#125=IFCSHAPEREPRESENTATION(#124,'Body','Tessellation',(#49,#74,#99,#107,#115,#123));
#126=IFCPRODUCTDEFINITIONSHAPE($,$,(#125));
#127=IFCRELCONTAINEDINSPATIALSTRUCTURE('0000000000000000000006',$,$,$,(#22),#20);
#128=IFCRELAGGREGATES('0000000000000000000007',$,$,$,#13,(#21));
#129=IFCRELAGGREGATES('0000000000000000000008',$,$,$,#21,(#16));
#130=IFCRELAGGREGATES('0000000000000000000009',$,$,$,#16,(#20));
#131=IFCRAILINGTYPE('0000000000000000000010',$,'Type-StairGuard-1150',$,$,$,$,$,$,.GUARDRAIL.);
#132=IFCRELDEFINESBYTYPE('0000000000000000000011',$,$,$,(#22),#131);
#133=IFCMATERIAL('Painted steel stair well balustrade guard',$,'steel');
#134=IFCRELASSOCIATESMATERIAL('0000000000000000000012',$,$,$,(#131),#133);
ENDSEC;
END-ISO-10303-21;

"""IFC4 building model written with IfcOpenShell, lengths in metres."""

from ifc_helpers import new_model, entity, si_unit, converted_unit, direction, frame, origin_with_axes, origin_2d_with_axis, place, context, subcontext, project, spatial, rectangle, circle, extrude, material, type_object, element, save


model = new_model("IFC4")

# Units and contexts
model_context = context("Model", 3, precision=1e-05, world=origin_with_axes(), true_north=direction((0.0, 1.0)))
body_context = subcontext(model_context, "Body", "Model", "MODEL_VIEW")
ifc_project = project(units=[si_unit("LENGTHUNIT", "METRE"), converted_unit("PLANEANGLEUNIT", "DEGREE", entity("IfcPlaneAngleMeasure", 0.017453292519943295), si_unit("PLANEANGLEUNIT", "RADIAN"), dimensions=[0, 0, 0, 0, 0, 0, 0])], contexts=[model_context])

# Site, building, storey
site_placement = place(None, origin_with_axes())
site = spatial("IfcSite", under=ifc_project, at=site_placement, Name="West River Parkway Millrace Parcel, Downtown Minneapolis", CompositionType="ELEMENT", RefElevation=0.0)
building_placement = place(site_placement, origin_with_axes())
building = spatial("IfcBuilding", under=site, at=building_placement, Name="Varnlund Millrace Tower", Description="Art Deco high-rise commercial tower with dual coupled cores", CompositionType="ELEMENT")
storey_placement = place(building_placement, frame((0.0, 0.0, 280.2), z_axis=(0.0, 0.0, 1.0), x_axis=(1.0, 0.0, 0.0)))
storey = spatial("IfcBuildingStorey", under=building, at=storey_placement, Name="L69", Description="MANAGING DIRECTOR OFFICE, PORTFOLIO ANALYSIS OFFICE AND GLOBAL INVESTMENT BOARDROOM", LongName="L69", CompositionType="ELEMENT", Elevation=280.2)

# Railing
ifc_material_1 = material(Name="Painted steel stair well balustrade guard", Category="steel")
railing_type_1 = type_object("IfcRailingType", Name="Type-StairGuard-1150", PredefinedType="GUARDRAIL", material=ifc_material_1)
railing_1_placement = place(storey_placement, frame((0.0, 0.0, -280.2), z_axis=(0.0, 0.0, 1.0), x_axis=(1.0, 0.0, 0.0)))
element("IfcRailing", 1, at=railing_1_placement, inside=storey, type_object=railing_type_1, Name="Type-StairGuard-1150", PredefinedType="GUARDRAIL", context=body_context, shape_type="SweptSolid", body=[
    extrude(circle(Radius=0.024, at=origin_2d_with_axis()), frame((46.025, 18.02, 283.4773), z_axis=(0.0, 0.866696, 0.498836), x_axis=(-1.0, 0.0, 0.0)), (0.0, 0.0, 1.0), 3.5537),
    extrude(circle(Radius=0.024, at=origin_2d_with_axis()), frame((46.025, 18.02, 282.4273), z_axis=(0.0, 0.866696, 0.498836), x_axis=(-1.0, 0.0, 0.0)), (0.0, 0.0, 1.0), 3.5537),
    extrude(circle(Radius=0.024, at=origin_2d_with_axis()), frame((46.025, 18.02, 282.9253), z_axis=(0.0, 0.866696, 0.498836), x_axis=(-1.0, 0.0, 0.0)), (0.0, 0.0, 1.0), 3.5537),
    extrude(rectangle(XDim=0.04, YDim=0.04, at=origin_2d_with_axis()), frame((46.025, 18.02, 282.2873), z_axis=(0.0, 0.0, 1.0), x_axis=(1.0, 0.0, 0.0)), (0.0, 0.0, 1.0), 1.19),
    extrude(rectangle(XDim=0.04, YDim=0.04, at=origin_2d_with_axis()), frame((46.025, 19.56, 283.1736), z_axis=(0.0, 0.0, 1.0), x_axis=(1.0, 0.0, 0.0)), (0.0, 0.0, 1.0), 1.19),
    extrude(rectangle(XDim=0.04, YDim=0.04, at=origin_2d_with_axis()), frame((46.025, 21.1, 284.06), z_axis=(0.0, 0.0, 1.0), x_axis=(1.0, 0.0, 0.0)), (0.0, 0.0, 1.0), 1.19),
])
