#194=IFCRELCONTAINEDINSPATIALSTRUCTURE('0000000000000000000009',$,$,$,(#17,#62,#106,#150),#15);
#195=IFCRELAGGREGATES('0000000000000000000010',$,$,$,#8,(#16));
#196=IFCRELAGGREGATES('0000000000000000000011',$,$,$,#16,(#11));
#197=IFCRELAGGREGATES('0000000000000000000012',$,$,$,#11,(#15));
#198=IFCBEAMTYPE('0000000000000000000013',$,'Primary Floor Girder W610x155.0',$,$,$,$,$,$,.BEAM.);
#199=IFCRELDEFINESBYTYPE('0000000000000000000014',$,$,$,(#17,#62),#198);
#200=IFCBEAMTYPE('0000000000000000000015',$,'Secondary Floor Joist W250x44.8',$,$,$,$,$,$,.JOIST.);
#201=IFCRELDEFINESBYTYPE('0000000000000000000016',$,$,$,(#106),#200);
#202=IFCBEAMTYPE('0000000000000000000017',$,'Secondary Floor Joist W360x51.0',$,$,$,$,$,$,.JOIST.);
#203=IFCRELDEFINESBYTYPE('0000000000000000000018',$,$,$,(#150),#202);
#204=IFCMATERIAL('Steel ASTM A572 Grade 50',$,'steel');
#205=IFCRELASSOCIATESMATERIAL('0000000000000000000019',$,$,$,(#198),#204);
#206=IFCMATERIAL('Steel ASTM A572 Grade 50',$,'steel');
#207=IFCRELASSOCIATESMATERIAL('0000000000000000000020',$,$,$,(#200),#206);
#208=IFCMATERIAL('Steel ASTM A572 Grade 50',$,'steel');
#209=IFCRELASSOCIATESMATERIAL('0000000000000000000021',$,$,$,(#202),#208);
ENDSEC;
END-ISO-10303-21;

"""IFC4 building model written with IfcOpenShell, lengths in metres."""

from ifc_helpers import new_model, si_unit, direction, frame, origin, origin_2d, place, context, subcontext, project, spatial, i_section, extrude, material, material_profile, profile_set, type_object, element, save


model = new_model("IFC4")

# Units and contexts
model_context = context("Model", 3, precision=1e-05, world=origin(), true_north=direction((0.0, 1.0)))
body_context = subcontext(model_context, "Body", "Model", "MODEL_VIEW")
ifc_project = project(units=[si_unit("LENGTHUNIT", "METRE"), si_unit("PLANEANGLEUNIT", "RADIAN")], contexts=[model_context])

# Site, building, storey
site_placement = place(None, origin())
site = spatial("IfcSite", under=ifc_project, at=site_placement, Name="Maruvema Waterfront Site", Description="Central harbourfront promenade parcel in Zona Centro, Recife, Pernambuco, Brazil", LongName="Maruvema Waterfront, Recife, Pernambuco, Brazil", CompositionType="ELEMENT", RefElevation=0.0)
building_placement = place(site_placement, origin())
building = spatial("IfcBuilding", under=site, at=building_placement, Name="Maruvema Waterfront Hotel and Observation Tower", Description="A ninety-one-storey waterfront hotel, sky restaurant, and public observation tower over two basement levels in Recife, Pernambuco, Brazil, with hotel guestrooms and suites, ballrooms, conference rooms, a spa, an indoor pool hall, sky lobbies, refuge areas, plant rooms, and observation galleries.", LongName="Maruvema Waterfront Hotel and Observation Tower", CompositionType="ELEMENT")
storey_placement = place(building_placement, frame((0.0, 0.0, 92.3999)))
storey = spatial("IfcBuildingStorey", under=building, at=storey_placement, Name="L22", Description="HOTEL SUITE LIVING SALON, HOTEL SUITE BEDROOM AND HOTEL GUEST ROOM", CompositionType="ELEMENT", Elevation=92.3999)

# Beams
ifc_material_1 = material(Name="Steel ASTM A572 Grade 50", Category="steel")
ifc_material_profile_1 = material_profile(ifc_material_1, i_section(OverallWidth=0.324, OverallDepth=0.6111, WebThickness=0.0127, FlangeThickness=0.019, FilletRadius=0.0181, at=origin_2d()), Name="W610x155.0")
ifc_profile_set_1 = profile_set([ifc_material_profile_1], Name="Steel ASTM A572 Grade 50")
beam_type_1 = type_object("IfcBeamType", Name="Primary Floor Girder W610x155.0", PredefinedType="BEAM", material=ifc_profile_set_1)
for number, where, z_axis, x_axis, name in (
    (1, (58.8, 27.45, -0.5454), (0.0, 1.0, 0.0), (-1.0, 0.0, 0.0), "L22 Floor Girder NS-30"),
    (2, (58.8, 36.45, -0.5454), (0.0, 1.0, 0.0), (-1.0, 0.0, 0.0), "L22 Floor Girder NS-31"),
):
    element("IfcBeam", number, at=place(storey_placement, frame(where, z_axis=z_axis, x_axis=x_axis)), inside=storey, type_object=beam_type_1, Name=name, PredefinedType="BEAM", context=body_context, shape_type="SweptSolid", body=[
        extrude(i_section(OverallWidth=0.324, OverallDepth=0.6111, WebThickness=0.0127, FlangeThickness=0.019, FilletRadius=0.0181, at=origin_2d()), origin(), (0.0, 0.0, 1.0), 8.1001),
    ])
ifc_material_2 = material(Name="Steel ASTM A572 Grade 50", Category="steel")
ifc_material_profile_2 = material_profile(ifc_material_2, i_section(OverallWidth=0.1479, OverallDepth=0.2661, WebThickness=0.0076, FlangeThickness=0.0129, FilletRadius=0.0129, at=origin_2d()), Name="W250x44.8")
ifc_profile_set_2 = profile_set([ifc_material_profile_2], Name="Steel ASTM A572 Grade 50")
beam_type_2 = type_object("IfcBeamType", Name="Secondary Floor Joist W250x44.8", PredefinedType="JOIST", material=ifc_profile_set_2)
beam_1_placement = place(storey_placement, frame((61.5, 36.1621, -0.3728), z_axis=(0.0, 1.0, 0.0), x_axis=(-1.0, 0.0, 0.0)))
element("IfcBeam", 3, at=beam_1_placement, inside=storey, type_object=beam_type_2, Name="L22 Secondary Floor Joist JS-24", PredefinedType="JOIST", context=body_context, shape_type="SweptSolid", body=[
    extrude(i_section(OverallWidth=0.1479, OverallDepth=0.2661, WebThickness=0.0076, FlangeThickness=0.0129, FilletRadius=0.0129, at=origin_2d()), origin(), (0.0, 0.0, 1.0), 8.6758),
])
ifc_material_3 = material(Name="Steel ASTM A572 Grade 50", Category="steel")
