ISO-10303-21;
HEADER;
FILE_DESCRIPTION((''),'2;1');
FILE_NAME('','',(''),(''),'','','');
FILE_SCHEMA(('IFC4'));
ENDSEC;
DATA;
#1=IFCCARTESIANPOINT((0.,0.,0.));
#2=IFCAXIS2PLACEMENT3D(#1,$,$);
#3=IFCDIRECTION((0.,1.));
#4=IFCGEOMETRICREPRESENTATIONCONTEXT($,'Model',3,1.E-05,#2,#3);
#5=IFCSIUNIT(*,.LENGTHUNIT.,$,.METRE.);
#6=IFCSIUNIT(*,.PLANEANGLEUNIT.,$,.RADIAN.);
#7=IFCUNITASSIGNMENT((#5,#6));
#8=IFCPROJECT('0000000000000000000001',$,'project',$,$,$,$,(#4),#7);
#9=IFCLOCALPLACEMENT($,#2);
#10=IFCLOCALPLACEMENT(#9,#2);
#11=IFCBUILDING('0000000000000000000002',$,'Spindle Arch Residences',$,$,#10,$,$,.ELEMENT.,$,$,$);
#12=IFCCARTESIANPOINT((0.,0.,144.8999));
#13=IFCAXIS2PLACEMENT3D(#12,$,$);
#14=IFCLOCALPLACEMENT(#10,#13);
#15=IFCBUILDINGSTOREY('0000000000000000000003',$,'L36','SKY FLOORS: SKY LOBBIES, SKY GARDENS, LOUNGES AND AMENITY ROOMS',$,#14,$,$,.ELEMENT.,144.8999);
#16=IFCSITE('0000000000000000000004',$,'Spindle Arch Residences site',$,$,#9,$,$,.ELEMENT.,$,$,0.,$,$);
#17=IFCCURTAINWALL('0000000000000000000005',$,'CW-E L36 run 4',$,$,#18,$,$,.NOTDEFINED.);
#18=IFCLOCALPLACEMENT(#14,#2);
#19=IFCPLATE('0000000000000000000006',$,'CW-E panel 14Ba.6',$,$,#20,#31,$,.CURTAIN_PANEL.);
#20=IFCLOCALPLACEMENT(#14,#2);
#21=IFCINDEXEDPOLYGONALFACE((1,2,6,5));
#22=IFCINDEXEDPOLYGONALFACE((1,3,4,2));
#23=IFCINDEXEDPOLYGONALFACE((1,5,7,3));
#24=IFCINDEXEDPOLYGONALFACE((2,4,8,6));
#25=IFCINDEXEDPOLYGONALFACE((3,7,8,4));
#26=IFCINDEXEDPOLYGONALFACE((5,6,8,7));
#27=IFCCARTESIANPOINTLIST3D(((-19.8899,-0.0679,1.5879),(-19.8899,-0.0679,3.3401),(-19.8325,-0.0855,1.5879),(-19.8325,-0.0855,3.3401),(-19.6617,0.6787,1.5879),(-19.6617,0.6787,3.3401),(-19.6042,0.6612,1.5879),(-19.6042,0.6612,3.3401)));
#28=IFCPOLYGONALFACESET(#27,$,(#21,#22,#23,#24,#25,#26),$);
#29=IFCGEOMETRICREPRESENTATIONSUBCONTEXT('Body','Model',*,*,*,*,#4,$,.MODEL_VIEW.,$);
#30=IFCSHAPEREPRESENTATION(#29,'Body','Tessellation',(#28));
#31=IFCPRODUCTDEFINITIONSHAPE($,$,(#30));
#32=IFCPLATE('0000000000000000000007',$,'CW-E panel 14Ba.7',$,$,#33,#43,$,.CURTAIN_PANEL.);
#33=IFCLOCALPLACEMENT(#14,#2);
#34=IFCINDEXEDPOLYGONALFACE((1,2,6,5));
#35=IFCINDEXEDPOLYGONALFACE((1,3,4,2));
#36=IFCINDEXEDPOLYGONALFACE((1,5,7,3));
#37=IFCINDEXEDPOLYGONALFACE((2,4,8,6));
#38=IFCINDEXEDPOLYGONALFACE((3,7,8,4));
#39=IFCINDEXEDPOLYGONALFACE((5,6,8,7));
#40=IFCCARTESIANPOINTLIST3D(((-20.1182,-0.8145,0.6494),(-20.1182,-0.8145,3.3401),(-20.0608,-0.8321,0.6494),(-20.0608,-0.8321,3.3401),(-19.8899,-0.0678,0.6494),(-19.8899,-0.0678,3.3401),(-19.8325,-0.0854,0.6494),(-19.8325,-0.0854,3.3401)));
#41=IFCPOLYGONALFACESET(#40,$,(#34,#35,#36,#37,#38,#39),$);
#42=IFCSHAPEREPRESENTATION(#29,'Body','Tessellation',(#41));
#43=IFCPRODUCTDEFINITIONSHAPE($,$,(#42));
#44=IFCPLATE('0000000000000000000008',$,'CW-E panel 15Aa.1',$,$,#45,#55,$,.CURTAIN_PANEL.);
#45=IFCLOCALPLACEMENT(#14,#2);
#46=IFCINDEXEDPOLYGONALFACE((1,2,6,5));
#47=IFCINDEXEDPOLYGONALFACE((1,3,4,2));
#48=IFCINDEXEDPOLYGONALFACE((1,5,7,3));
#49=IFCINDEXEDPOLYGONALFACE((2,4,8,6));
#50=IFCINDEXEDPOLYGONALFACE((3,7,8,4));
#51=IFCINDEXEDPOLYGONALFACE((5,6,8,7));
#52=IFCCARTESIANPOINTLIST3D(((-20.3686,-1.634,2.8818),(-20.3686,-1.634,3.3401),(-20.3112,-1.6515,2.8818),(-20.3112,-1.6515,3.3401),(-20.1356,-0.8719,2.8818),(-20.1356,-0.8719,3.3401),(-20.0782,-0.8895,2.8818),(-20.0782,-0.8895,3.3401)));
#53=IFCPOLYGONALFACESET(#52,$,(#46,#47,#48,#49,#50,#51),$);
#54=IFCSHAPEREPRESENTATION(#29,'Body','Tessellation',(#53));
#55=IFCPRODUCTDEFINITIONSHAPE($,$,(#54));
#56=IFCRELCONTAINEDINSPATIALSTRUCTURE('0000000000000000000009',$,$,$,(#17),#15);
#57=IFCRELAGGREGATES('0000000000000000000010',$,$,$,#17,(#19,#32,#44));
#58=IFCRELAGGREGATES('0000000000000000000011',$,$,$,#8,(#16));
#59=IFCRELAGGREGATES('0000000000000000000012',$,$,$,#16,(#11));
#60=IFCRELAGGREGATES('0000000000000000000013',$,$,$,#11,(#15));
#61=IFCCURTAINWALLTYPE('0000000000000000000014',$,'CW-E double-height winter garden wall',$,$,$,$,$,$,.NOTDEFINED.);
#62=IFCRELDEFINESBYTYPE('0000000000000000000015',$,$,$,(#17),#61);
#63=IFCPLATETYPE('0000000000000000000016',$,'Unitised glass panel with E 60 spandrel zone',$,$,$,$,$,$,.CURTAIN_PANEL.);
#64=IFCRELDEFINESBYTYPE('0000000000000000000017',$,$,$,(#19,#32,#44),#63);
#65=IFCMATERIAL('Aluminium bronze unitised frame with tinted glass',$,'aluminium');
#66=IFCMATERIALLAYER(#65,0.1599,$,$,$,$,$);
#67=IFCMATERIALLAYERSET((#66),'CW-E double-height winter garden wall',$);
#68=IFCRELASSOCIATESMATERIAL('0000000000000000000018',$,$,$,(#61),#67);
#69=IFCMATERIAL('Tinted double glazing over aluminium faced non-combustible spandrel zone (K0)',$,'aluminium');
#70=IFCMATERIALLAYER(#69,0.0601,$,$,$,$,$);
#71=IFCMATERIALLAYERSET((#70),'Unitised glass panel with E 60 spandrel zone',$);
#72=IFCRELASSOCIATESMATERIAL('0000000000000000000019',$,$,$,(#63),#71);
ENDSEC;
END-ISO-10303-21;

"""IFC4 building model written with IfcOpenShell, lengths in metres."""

from ifc_helpers import new_model, si_unit, direction, frame, origin, origin_2d, place, context, subcontext, project, spatial, rectangle, extrude, material, layer, layer_set, type_object, element, aggregate, save


model = new_model("IFC4")

# Units and contexts
model_context = context("Model", 3, precision=1e-05, world=origin(), true_north=direction((0.0, 1.0)))
body_context = subcontext(model_context, "Body", "Model", "MODEL_VIEW")
ifc_project = project(units=[si_unit("LENGTHUNIT", "METRE"), si_unit("PLANEANGLEUNIT", "RADIAN")], contexts=[model_context])

# Site, building, storey
site_placement = place(None, origin())
site = spatial("IfcSite", under=ifc_project, at=site_placement, Name="Spindle Arch Residences site", CompositionType="ELEMENT", RefElevation=0.0)
building_placement = place(site_placement, origin())
building = spatial("IfcBuilding", under=site, at=building_placement, Name="Spindle Arch Residences", CompositionType="ELEMENT")
storey_placement = place(building_placement, frame((0.0, 0.0, 144.8999)))
storey = spatial("IfcBuildingStorey", under=building, at=storey_placement, Name="L36", Description="SKY FLOORS: SKY LOBBIES, SKY GARDENS, LOUNGES AND AMENITY ROOMS", CompositionType="ELEMENT", Elevation=144.8999)

# Curtain wall, plates
ifc_material_1 = material(Name="Aluminium bronze unitised frame with tinted glass", Category="aluminium")
ifc_layer_1 = layer(ifc_material_1, 0.1599)
ifc_layer_set_1 = layer_set([ifc_layer_1], Name="CW-E double-height winter garden wall")
curtain_wall_type = type_object("IfcCurtainWallType", Name="CW-E double-height winter garden wall", PredefinedType="NOTDEFINED", material=ifc_layer_set_1)
curtain_wall_placement = place(storey_placement, origin())
curtain_wall = element("IfcCurtainWall", 1, at=curtain_wall_placement, inside=storey, type_object=curtain_wall_type, Name="CW-E L36 run 4", PredefinedType="NOTDEFINED")
ifc_material_2 = material(Name="Tinted double glazing over aluminium faced non-combustible spandrel zone (K0)", Category="aluminium")
ifc_layer_2 = layer(ifc_material_2, 0.0601)
ifc_layer_set_2 = layer_set([ifc_layer_2], Name="Unitised glass panel with E 60 spandrel zone")
plate_type_1 = type_object("IfcPlateType", Name="Unitised glass panel with E 60 spandrel zone", PredefinedType="CURTAIN_PANEL", material=ifc_layer_set_2)
plate_1_placement = place(storey_placement, frame((-19.7471, 0.2966, 1.5879), z_axis=(0.0, 0.0, 1.0), x_axis=(-0.292372, -0.956305, 0.0)))
plate_1 = element("IfcPlate", 2, at=plate_1_placement, type_object=plate_type_1, Name="CW-E panel 14Ba.6", PredefinedType="CURTAIN_PANEL", context=body_context, shape_type="SweptSolid", body=[
    extrude(rectangle(XDim=0.7808, YDim=0.0601, at=origin_2d()), origin(), (0.0, 0.0, 1.0), 1.7522),
])
plate_2_placement = place(storey_placement, frame((-19.9753, -0.45, 0.6494), z_axis=(0.0, 0.0, 1.0), x_axis=(-0.292372, -0.956305, 0.0)))
plate_2 = element("IfcPlate", 3, at=plate_2_placement, type_object=plate_type_1, Name="CW-E panel 14Ba.7", PredefinedType="CURTAIN_PANEL", context=body_context, shape_type="SweptSolid", body=[
    extrude(rectangle(XDim=0.7808, YDim=0.0601, at=origin_2d()), origin(), (0.0, 0.0, 1.0), 2.6907),
])
plate_3_placement = place(storey_placement, frame((-20.2234, -1.2617, 2.8818), z_axis=(0.0, 0.0, 1.0), x_axis=(-0.292372, -0.956305, 0.0)))
plate_3 = element("IfcPlate", 4, at=plate_3_placement, type_object=plate_type_1, Name="CW-E panel 15Aa.1", PredefinedType="CURTAIN_PANEL", context=body_context, shape_type="SweptSolid", body=[
    extrude(rectangle(XDim=0.7969, YDim=0.0601, at=origin_2d()), origin(), (0.0, 0.0, 1.0), 0.4583),
])
aggregate(curtain_wall, [plate_1, plate_2, plate_3])

save(model, "model.ifc")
--- --- ---
▶ _WORK REQUIRED_: Scan the data above and copy every line with "IFCPRODUCTDEFINITIONSHAPE" in it.

▶ _RESULT OF THIS TASK_:
#126=IFCPRODUCTDEFINITIONSHAPE($,$,(#125));
#31=IFCPRODUCTDEFINITIONSHAPE($,$,(#30));
#43=IFCPRODUCTDEFINITIONSHAPE($,$,(#42));
#55=IFCPRODUCTDEFINITIONSHAPE($,$,(#54));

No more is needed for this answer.